- **What this task involves**
Starting with the line that contains "#21=IFCINDEXEDPOLYGONALFACE((1,74,75,2));" and stopping after the line that contains "#35=IFCINDEXEDPOLYGONALFACE((15,88,89,16));", copy the entries below exactly. Include nothing else.

- **Provided entries**
● ● ●

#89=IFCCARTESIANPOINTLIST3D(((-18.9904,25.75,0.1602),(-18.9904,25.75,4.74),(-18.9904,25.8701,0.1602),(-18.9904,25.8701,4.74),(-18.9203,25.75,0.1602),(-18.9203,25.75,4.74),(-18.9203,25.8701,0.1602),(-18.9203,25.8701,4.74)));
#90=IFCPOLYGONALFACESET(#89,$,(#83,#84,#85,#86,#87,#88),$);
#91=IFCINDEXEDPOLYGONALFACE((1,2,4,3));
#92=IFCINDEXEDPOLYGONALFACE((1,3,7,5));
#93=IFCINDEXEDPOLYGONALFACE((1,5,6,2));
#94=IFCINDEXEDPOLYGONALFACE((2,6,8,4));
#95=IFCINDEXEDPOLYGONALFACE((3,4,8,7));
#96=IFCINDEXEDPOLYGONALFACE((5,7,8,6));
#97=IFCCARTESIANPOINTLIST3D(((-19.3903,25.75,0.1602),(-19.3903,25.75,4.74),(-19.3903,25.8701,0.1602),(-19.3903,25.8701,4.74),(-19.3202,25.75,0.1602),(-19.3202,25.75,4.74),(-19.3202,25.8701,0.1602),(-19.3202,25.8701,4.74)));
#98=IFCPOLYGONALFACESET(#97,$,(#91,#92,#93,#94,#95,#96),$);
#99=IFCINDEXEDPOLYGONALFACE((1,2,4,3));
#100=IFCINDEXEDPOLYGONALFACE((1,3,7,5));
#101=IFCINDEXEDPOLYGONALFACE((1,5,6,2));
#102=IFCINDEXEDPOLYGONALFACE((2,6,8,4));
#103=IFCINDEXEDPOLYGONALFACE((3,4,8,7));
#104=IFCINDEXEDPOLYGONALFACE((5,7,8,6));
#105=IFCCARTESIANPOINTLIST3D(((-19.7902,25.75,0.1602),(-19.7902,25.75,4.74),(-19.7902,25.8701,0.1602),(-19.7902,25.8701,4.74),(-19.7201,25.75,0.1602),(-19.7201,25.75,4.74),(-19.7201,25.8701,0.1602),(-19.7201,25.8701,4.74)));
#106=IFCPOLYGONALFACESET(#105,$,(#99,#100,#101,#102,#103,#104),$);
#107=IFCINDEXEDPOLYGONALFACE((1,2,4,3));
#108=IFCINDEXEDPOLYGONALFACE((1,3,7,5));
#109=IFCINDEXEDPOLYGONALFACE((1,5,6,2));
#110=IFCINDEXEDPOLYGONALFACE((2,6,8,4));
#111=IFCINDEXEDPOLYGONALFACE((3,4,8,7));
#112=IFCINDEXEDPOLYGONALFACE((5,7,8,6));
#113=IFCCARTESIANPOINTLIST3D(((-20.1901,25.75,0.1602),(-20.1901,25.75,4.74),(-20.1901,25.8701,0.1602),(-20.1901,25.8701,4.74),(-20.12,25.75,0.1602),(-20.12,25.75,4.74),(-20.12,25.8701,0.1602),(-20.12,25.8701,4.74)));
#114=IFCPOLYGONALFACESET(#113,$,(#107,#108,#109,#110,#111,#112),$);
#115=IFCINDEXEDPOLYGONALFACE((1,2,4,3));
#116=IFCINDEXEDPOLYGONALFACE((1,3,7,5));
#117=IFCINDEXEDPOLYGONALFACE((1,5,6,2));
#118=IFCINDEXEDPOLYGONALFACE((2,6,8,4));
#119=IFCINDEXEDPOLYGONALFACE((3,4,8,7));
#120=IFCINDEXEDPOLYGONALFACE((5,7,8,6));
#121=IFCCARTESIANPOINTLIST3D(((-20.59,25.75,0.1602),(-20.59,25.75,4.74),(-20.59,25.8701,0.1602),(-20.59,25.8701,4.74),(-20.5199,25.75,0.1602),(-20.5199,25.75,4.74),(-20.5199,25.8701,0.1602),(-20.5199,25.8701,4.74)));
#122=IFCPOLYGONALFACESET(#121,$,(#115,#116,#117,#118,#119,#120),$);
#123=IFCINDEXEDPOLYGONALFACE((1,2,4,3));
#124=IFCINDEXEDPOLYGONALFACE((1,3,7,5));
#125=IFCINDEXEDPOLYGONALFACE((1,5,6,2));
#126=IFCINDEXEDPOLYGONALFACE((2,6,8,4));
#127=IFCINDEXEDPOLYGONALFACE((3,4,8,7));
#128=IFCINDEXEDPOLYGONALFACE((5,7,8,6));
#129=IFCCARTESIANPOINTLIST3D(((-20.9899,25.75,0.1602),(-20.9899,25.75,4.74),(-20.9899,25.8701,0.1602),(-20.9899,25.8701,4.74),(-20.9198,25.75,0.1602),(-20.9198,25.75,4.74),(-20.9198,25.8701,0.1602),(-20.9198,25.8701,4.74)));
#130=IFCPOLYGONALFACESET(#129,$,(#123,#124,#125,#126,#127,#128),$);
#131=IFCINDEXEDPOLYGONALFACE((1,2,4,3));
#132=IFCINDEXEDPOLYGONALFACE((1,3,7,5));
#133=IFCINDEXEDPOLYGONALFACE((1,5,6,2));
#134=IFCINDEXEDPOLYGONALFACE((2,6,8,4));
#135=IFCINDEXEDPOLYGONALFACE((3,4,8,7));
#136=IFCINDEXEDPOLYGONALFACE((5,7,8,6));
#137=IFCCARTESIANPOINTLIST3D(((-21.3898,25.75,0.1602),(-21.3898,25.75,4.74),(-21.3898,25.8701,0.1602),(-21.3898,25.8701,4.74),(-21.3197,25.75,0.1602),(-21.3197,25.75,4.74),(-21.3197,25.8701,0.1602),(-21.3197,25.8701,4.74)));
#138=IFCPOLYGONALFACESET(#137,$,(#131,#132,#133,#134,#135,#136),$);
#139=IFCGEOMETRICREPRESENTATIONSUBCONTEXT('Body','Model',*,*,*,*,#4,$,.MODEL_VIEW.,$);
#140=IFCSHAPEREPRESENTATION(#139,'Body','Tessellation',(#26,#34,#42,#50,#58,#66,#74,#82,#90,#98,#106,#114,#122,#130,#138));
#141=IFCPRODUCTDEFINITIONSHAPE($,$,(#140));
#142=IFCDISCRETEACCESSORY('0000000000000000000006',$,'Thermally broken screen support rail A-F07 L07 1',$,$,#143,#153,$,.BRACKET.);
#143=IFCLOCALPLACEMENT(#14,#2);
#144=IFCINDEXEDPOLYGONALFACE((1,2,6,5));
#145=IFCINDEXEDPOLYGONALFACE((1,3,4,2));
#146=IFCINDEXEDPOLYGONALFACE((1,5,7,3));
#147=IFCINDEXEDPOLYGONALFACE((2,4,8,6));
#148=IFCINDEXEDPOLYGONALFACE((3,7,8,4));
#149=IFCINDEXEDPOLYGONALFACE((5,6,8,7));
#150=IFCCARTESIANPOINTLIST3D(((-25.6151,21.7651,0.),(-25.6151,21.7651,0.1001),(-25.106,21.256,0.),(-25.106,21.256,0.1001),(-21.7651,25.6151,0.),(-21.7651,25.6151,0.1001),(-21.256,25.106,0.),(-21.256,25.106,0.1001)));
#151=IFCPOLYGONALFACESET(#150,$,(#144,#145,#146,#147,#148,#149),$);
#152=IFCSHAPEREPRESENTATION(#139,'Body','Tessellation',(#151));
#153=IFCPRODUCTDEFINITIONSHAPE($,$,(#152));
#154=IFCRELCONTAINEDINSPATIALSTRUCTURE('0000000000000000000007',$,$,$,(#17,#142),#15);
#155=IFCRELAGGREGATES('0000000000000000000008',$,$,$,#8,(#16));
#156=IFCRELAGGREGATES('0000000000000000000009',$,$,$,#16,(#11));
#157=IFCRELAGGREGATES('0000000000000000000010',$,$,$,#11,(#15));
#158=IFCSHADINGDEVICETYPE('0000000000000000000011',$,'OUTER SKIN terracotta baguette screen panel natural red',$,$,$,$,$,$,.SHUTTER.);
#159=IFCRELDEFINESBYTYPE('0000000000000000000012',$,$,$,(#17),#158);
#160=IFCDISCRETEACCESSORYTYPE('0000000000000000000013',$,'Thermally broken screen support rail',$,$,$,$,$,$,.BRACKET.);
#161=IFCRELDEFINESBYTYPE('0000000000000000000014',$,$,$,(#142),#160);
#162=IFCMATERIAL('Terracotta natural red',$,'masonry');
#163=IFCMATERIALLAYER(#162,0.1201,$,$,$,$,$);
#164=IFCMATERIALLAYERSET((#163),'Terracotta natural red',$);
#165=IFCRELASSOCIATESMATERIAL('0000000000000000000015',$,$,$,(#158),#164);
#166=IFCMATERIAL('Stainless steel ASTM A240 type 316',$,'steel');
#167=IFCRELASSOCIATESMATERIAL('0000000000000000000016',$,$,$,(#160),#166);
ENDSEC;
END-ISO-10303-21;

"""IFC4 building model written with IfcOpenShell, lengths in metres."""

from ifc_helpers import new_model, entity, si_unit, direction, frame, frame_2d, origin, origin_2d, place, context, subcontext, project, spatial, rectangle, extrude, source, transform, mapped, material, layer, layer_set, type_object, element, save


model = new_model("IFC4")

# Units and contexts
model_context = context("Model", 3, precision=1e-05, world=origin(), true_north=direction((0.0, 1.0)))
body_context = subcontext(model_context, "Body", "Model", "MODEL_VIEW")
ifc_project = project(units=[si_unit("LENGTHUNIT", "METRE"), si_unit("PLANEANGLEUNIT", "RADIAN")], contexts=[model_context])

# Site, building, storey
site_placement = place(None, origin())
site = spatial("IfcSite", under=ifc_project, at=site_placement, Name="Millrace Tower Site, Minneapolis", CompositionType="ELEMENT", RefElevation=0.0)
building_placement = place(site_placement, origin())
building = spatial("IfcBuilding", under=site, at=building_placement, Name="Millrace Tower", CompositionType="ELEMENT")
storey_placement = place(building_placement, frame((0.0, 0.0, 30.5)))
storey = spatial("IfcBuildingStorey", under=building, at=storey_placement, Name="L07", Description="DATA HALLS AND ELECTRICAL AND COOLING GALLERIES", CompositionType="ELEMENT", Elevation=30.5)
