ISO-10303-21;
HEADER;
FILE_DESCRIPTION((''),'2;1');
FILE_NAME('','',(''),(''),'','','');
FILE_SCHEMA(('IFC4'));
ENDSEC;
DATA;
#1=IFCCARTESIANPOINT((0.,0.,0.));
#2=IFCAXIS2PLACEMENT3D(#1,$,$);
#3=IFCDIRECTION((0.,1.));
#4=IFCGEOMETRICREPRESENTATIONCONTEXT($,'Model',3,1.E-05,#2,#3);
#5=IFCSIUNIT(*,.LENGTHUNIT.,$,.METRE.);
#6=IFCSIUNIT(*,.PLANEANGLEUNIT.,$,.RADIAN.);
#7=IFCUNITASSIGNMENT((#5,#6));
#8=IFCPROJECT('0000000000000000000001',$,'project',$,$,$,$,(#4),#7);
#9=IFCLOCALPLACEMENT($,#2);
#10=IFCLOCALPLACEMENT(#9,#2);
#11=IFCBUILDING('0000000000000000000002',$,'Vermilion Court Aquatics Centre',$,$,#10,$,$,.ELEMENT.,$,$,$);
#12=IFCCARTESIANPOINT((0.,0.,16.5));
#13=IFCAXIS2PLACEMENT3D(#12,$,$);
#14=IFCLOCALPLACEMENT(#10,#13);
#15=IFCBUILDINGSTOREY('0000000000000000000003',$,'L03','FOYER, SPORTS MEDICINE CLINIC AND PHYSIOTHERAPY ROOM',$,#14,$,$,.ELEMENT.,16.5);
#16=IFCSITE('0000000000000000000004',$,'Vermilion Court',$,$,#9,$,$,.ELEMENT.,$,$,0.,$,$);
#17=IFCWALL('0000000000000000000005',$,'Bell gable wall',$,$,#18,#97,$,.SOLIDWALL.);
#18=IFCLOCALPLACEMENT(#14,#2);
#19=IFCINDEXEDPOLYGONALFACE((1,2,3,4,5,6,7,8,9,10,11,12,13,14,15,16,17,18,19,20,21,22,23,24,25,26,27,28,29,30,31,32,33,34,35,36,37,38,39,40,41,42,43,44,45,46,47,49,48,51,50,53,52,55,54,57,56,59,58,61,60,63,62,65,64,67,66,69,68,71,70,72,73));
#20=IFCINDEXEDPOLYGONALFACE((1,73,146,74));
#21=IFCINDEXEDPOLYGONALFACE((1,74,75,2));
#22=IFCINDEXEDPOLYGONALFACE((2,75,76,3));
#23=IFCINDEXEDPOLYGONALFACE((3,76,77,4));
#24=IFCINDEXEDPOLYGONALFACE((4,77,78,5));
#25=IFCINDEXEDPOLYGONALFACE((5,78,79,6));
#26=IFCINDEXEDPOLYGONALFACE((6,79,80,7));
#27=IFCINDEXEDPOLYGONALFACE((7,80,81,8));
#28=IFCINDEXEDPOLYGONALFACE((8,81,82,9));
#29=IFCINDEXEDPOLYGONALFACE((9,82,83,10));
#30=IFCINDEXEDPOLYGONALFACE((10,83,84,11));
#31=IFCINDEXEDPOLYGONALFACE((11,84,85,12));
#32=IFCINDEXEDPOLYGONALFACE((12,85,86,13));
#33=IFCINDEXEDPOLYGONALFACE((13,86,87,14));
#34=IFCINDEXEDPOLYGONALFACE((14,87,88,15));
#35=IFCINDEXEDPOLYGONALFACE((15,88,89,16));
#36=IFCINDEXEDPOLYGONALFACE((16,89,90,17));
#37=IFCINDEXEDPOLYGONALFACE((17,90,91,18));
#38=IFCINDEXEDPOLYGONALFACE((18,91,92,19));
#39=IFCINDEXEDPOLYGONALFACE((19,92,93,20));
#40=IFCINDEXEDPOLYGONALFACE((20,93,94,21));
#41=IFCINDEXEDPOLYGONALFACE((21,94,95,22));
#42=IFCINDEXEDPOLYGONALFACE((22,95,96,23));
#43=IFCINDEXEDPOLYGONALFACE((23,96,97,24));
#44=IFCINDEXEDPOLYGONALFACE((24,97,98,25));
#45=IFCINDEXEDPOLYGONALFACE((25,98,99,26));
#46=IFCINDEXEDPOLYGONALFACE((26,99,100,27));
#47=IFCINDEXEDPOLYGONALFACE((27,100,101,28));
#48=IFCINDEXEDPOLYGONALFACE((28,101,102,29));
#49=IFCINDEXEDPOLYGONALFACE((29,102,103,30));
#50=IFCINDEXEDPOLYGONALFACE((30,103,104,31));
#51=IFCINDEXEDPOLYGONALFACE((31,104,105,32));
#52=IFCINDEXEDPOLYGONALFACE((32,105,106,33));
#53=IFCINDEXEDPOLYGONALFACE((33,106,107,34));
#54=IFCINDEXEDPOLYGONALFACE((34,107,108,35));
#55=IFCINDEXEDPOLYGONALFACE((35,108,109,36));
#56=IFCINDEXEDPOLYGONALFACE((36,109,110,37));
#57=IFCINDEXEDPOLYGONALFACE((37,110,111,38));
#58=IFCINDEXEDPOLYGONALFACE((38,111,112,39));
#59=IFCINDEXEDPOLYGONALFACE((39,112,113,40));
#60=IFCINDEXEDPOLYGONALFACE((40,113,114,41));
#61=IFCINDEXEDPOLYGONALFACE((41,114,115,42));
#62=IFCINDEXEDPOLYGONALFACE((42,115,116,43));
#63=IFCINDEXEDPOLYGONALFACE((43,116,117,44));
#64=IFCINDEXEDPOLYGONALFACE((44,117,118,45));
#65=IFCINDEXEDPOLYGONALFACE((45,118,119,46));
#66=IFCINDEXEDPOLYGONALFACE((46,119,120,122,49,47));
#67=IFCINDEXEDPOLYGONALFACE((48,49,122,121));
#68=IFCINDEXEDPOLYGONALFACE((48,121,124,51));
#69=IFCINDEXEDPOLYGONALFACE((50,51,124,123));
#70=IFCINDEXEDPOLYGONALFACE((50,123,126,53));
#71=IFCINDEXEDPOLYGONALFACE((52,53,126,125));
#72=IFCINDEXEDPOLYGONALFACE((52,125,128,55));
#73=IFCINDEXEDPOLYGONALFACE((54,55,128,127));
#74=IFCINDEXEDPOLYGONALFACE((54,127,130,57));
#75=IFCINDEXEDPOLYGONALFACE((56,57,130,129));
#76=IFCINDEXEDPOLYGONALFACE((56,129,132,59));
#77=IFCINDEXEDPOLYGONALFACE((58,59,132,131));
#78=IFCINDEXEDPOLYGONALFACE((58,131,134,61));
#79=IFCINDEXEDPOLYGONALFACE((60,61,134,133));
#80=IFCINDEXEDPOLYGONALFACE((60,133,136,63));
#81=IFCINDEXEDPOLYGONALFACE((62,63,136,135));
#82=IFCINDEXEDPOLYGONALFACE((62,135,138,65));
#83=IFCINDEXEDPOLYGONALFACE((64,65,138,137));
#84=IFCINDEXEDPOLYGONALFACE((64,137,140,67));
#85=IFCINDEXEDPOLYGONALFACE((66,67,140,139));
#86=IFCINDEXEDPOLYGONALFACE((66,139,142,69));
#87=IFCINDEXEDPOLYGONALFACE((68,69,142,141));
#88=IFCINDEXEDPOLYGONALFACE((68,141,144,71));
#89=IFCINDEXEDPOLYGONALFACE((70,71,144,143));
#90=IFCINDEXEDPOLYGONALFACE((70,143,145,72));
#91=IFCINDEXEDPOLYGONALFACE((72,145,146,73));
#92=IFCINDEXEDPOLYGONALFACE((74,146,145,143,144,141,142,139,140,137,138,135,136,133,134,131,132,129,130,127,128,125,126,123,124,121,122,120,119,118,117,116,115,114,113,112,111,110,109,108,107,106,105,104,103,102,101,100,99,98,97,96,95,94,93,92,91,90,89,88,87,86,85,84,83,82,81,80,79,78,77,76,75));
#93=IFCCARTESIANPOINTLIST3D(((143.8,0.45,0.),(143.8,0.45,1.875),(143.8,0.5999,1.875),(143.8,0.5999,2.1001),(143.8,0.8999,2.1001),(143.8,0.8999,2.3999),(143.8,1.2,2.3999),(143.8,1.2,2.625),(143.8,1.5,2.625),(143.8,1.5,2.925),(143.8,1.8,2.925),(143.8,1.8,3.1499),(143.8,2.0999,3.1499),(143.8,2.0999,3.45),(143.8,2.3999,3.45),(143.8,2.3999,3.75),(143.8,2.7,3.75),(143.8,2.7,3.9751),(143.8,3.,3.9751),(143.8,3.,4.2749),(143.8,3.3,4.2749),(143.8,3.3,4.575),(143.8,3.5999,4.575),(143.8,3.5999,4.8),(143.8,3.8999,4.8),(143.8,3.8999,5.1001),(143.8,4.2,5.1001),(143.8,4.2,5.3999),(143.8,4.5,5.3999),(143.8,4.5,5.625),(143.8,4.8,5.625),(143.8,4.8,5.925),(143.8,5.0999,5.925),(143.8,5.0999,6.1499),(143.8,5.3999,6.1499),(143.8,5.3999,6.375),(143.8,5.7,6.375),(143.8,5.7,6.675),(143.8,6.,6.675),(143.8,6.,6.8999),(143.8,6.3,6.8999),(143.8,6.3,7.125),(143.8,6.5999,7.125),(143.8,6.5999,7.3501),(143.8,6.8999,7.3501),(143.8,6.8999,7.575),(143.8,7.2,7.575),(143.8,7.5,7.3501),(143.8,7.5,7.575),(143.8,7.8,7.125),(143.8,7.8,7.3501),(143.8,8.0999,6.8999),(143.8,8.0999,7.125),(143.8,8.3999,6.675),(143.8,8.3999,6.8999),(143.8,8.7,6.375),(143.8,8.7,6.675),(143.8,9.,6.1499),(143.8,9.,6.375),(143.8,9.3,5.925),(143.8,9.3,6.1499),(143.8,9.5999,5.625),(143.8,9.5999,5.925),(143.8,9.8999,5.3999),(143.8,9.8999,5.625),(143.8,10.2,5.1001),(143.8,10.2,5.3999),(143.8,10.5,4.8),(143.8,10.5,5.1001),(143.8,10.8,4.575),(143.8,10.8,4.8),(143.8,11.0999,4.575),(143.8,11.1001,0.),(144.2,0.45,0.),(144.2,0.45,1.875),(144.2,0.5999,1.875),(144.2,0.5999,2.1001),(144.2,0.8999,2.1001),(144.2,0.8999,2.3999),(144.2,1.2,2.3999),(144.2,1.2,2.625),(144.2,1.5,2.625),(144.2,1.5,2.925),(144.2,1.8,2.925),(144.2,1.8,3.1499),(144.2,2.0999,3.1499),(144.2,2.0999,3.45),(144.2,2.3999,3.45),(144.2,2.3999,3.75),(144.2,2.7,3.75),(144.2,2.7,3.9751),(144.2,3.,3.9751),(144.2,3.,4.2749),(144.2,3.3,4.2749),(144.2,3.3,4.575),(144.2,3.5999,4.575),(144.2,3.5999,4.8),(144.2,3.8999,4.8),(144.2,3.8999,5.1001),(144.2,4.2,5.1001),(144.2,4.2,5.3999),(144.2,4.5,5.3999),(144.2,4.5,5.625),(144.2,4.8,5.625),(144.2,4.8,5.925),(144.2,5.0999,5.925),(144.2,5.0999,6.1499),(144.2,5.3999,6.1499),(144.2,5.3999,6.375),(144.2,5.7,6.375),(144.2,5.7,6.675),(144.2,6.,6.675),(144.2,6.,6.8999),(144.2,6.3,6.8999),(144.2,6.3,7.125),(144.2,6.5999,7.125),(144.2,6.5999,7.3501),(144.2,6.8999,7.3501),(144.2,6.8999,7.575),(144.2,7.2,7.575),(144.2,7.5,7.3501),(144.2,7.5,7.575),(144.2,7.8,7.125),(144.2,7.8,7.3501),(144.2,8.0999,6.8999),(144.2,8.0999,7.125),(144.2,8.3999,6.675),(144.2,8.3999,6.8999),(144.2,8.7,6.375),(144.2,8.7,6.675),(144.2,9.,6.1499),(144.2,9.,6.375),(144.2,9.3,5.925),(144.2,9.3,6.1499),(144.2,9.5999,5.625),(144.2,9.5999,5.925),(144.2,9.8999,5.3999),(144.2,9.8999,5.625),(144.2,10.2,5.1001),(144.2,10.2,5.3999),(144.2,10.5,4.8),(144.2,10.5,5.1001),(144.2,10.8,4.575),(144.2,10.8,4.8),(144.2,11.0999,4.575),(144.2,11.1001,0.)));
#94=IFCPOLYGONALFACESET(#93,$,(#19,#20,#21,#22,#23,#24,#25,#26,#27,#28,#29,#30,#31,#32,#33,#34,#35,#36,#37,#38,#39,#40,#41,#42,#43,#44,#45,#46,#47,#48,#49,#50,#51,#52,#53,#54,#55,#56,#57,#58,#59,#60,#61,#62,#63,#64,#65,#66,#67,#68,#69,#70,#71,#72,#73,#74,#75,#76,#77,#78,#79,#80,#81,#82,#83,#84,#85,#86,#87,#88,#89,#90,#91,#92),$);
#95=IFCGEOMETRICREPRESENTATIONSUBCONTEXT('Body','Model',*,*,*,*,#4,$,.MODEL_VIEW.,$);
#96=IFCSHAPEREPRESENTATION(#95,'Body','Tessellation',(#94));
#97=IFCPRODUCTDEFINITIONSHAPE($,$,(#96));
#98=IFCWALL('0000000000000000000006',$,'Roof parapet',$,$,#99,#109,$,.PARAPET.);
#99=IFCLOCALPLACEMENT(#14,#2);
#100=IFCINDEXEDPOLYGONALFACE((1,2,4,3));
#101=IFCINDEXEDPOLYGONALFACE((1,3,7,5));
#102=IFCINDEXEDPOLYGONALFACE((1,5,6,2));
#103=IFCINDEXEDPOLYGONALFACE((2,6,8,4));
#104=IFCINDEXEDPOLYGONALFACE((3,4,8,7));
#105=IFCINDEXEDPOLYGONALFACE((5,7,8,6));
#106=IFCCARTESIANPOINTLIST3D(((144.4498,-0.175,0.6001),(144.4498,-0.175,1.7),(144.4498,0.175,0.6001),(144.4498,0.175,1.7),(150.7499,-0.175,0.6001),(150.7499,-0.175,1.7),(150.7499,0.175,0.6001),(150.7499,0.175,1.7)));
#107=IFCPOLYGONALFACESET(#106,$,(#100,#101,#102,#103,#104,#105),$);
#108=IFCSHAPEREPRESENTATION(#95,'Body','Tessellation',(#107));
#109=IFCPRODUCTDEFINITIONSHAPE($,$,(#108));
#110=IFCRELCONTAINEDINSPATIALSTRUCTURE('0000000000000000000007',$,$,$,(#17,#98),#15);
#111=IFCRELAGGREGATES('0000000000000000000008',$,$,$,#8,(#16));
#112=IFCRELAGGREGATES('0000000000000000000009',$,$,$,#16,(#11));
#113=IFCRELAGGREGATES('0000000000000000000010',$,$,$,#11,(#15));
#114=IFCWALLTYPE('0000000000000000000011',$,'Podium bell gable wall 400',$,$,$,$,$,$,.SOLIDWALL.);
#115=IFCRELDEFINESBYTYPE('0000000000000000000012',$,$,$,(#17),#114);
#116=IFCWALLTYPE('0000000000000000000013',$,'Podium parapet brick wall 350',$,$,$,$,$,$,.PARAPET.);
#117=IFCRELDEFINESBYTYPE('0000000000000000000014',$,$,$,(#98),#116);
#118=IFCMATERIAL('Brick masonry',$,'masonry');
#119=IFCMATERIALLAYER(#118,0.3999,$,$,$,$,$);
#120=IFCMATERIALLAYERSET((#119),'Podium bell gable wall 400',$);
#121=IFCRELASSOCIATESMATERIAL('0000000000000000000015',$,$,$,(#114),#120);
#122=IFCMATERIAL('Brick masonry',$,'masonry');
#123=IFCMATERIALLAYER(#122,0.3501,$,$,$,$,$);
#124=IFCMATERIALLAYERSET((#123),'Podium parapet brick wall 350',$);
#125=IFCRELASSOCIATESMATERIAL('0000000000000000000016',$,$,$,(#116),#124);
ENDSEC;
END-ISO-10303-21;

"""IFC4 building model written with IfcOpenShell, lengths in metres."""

from ifc_helpers import new_model, si_unit, direction, frame, frame_2d, origin, place, context, subcontext, project, spatial, polyline, rectangle, outline, extrude, material, layer, layer_set, type_object, element, save


model = new_model("IFC4")

# Units and contexts
model_context = context("Model", 3, precision=1e-05, world=origin(), true_north=direction((0.0, 1.0)))
body_context = subcontext(model_context, "Body", "Model", "MODEL_VIEW")
ifc_project = project(units=[si_unit("LENGTHUNIT", "METRE"), si_unit("PLANEANGLEUNIT", "RADIAN")], contexts=[model_context])

# Site, building, storey
site_placement = place(None, origin())
site = spatial("IfcSite", under=ifc_project, at=site_placement, Name="Vermilion Court", CompositionType="ELEMENT", RefElevation=0.0)
building_placement = place(site_placement, origin())
building = spatial("IfcBuilding", under=site, at=building_placement, Name="Vermilion Court Aquatics Centre", CompositionType="ELEMENT")
storey_placement = place(building_placement, frame((0.0, 0.0, 16.5)))
storey = spatial("IfcBuildingStorey", under=building, at=storey_placement, Name="L03", Description="FOYER, SPORTS MEDICINE CLINIC AND PHYSIOTHERAPY ROOM", CompositionType="ELEMENT", Elevation=16.5)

● ● ●

- **Task output**
#21=IFCINDEXEDPOLYGONALFACE((1,74,75,2));
#22=IFCINDEXEDPOLYGONALFACE((2,75,76,3));
#23=IFCINDEXEDPOLYGONALFACE((3,76,77,4));
#24=IFCINDEXEDPOLYGONALFACE((4,77,78,5));
#25=IFCINDEXEDPOLYGONALFACE((5,78,79,6));
#26=IFCINDEXEDPOLYGONALFACE((6,79,80,7));
#27=IFCINDEXEDPOLYGONALFACE((7,80,81,8));
#28=IFCINDEXEDPOLYGONALFACE((8,81,82,9));
#29=IFCINDEXEDPOLYGONALFACE((9,82,83,10));
#30=IFCINDEXEDPOLYGONALFACE((10,83,84,11));
#31=IFCINDEXEDPOLYGONALFACE((11,84,85,12));
#32=IFCINDEXEDPOLYGONALFACE((12,85,86,13));
#33=IFCINDEXEDPOLYGONALFACE((13,86,87,14));
#34=IFCINDEXEDPOLYGONALFACE((14,87,88,15));
#35=IFCINDEXEDPOLYGONALFACE((15,88,89,16));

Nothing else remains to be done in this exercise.